DATA UNDER STUDY
◇ ◇ ◇ ◇

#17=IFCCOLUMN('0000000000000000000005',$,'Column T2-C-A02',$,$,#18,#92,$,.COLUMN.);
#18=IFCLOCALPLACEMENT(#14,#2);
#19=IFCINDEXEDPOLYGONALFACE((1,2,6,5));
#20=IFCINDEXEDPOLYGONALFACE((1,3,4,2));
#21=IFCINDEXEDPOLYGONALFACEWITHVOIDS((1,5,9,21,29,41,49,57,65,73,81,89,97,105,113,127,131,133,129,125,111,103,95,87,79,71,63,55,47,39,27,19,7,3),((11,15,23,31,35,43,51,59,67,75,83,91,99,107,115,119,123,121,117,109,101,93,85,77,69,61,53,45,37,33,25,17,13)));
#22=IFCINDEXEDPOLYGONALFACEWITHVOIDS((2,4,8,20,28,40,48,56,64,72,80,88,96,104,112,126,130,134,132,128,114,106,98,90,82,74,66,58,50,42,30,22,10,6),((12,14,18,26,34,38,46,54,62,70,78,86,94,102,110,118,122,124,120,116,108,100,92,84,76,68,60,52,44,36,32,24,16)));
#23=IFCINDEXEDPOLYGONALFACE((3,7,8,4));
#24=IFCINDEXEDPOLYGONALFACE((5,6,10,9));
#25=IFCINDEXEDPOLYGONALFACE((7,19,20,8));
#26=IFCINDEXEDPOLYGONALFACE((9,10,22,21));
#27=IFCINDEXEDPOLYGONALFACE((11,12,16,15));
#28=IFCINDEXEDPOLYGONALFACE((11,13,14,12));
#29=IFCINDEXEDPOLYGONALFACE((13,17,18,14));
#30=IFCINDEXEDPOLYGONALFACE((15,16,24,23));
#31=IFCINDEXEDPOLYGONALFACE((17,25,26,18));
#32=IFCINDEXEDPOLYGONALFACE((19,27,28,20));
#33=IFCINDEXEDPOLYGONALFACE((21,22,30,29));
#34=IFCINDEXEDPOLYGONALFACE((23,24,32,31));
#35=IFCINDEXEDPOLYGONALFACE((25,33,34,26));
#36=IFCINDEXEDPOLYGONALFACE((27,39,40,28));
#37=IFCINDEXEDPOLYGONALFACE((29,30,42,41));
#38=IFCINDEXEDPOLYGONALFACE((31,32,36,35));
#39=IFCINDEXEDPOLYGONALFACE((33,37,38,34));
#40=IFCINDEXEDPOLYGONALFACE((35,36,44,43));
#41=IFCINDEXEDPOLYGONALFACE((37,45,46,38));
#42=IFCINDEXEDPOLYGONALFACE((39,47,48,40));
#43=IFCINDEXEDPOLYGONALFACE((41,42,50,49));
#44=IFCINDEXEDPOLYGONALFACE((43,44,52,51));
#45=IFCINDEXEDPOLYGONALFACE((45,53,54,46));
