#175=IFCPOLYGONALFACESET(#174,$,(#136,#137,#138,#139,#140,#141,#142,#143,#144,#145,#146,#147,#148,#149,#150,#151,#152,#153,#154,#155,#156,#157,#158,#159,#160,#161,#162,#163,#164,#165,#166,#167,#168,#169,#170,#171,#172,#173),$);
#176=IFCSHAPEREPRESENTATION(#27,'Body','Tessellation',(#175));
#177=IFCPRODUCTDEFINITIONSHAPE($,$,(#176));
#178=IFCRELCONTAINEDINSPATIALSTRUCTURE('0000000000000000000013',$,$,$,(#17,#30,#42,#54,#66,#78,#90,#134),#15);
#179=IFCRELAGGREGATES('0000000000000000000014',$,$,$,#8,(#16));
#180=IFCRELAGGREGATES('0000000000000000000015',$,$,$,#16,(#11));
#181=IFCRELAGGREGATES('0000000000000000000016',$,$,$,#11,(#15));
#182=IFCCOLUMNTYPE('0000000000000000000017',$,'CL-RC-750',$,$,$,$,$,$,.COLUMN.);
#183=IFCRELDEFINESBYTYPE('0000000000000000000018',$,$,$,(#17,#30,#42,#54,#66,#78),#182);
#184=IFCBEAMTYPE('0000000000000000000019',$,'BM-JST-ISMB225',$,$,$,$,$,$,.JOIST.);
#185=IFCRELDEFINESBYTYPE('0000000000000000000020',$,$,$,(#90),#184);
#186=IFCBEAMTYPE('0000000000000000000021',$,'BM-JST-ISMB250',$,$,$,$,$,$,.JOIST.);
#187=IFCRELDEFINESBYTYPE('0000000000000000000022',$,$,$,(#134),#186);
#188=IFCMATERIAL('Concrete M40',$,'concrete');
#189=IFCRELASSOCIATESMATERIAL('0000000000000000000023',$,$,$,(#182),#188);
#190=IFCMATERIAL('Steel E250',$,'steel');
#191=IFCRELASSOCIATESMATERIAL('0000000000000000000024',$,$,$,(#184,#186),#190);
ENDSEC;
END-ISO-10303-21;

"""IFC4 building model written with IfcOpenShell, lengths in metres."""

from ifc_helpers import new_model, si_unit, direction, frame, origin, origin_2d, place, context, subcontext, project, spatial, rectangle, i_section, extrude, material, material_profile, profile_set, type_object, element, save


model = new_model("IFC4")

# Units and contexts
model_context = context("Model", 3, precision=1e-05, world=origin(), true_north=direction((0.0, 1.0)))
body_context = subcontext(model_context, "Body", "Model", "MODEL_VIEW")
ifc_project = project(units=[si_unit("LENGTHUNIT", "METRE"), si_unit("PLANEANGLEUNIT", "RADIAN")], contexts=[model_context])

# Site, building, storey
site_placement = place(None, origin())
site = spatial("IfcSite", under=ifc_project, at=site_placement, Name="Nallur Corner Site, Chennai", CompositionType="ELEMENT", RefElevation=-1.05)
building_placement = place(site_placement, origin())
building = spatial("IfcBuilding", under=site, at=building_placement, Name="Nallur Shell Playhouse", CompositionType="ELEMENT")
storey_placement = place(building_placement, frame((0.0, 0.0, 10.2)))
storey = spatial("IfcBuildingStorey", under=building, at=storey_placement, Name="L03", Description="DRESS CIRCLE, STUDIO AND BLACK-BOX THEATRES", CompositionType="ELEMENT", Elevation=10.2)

◇ ◇ ◇ ◇

TASK PROMPT
The lines from the one containing "frame((0.0, 0.0, 10.2)))" through the final line of the listing above are to be repeated exactly, and nothing else is to be printed.

ANSWER SECTION
storey_placement = place(building_placement, frame((0.0, 0.0, 10.2)))
storey = spatial("IfcBuildingStorey", under=building, at=storey_placement, Name="L03", Description="DRESS CIRCLE, STUDIO AND BLACK-BOX THEATRES", CompositionType="ELEMENT", Elevation=10.2)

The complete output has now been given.